From the records below, take each line where the string "IFCCURTAINWALLTYPE" shows up and copy it.

- Stored entries:
● ● ● ●

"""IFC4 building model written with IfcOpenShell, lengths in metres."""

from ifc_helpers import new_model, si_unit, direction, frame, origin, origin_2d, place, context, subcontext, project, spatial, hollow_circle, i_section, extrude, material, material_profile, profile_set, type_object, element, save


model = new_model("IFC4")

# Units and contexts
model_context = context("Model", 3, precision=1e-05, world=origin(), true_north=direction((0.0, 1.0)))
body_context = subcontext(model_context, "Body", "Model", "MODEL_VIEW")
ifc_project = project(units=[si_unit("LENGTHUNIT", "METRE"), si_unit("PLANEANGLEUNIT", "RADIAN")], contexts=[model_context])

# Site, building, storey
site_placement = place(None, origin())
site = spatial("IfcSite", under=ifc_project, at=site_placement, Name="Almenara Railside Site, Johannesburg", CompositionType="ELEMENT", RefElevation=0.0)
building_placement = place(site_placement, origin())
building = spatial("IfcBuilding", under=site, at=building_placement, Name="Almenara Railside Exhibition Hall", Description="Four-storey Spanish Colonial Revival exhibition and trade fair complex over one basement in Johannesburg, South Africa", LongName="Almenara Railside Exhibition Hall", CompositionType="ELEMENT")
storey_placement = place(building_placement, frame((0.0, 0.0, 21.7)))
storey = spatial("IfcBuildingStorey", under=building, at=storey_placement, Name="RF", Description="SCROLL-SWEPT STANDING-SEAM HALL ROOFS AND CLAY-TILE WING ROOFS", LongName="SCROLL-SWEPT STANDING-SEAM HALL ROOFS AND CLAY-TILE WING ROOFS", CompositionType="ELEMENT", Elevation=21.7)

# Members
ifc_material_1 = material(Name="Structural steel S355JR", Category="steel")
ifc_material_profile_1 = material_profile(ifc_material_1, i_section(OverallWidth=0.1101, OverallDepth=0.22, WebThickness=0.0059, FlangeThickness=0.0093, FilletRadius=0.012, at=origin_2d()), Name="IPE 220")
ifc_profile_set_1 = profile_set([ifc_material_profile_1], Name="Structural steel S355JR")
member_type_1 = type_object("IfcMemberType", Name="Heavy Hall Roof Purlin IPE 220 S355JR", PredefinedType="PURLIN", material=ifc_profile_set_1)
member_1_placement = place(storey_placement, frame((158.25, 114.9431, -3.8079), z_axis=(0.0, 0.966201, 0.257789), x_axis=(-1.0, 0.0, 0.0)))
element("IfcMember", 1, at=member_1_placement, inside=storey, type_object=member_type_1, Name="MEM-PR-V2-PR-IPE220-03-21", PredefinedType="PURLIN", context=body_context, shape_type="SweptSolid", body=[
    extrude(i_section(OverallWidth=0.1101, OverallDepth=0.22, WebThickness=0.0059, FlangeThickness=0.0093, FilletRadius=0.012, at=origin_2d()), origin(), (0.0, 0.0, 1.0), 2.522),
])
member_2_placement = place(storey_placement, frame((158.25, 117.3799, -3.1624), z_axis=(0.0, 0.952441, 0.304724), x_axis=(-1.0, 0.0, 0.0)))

● ● ● ●

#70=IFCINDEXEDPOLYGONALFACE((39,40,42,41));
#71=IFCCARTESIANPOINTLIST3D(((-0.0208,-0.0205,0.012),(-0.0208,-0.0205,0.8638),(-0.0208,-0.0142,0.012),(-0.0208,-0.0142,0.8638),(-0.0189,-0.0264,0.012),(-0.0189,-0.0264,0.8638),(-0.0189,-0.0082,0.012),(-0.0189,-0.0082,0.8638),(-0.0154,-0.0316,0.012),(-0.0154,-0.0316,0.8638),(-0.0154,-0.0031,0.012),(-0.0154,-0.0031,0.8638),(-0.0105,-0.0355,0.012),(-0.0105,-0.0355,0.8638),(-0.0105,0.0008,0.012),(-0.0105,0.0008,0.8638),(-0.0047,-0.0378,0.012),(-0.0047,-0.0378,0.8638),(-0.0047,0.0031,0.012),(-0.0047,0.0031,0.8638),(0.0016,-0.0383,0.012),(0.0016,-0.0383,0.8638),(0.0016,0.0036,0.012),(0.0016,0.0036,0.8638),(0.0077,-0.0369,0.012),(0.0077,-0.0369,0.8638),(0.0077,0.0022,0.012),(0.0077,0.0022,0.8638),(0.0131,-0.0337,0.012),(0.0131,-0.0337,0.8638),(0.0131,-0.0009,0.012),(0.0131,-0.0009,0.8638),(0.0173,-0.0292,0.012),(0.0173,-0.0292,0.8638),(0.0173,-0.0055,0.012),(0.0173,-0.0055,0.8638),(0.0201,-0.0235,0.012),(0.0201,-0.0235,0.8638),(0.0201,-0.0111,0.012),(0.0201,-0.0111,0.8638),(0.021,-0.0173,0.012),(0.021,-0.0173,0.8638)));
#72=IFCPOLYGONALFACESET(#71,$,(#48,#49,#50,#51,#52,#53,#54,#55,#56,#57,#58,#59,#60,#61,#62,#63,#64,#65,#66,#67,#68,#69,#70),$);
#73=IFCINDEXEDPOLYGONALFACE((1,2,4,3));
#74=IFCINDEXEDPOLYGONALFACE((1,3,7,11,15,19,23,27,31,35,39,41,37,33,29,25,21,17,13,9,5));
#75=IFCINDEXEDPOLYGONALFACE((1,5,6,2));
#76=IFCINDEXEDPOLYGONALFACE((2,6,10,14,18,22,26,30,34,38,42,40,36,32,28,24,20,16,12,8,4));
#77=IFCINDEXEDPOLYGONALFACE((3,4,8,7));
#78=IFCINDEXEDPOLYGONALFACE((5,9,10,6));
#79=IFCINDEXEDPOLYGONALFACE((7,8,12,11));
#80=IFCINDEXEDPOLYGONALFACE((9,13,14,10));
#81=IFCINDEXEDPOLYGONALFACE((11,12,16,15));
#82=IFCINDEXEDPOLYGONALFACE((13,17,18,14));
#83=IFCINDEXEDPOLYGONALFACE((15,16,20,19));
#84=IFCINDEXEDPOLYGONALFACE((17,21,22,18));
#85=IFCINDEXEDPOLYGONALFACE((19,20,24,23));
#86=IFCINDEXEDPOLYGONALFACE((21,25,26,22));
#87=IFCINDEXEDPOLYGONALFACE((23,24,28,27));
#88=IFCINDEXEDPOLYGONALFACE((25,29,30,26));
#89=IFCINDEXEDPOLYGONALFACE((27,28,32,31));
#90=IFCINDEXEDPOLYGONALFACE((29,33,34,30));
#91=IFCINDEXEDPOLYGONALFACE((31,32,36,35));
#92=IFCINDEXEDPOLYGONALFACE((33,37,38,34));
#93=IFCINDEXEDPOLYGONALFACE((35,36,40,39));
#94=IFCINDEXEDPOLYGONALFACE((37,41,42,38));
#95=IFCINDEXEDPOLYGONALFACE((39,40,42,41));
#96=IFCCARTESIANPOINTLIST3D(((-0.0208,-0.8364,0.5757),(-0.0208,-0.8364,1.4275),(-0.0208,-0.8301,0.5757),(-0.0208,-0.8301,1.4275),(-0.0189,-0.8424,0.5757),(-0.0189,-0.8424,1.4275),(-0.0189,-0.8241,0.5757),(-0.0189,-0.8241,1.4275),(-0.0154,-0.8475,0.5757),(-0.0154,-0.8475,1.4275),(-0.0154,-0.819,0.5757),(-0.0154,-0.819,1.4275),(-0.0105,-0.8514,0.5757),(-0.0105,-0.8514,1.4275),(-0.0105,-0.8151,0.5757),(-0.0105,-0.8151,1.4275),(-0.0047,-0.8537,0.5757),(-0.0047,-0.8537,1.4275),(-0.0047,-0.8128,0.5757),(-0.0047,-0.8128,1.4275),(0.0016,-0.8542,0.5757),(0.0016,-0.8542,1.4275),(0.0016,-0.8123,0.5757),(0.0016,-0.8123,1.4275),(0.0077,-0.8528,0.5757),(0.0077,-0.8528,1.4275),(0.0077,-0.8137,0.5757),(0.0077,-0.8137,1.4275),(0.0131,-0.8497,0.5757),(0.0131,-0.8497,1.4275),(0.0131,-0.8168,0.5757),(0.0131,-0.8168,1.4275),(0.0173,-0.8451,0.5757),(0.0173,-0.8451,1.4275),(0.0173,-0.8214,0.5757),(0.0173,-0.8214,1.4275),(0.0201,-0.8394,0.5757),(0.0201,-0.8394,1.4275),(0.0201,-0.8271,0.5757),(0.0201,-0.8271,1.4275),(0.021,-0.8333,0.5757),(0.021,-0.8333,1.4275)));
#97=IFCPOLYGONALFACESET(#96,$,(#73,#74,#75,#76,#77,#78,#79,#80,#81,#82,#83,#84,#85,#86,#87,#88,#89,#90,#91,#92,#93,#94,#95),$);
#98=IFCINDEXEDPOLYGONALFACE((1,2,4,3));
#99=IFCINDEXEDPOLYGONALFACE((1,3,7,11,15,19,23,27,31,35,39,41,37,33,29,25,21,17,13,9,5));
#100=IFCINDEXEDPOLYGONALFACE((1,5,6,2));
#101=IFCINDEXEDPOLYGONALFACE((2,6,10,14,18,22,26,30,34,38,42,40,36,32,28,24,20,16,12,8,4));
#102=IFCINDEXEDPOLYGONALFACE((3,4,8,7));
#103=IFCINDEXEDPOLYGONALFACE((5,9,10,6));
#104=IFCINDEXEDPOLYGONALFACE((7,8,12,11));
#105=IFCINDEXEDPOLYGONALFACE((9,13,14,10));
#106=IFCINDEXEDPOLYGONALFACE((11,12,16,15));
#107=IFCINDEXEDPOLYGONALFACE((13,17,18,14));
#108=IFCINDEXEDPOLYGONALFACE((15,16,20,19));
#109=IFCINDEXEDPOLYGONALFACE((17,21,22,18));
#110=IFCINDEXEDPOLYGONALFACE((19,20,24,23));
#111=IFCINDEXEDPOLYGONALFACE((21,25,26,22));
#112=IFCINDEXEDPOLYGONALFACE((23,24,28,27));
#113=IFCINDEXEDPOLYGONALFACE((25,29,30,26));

● ● ● ●

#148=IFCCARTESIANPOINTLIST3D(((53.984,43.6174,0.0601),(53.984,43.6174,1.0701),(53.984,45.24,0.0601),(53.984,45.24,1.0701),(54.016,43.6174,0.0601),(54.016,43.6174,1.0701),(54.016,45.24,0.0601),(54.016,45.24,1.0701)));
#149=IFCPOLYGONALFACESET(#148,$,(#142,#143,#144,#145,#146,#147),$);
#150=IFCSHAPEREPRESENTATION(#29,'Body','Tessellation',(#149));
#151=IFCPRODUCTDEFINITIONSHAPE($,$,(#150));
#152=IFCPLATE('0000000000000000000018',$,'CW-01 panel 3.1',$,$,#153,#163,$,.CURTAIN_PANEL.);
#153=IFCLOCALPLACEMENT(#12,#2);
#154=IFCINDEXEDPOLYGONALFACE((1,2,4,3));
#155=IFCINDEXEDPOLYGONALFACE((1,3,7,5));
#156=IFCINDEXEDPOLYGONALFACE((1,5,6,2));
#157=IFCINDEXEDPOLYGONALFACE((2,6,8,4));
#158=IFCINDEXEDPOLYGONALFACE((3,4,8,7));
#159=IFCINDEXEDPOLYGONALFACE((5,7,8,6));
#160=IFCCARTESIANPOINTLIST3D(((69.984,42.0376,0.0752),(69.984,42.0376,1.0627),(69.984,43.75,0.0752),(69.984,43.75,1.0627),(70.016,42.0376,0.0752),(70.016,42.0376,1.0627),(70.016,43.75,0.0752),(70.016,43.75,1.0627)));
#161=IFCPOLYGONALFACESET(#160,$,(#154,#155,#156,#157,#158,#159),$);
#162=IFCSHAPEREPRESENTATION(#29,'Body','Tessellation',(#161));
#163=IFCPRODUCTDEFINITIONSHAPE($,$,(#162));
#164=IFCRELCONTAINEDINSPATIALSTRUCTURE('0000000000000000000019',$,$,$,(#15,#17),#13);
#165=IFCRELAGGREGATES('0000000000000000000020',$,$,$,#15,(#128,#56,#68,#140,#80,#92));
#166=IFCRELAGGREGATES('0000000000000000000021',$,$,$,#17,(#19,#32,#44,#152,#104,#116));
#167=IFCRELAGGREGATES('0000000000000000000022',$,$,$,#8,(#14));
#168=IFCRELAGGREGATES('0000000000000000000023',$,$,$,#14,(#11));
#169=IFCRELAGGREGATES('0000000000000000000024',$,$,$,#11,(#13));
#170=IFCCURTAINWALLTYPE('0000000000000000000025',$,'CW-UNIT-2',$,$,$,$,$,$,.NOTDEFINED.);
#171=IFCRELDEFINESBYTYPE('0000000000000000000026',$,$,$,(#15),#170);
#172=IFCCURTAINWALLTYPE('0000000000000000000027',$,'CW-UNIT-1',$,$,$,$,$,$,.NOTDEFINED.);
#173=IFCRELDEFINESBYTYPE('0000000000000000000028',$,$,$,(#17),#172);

● ● ● ●

- Answer area:
#170=IFCCURTAINWALLTYPE('0000000000000000000025',$,'CW-UNIT-2',$,$,$,$,$,$,.NOTDEFINED.);
#172=IFCCURTAINWALLTYPE('0000000000000000000027',$,'CW-UNIT-1',$,$,$,$,$,$,.NOTDEFINED.);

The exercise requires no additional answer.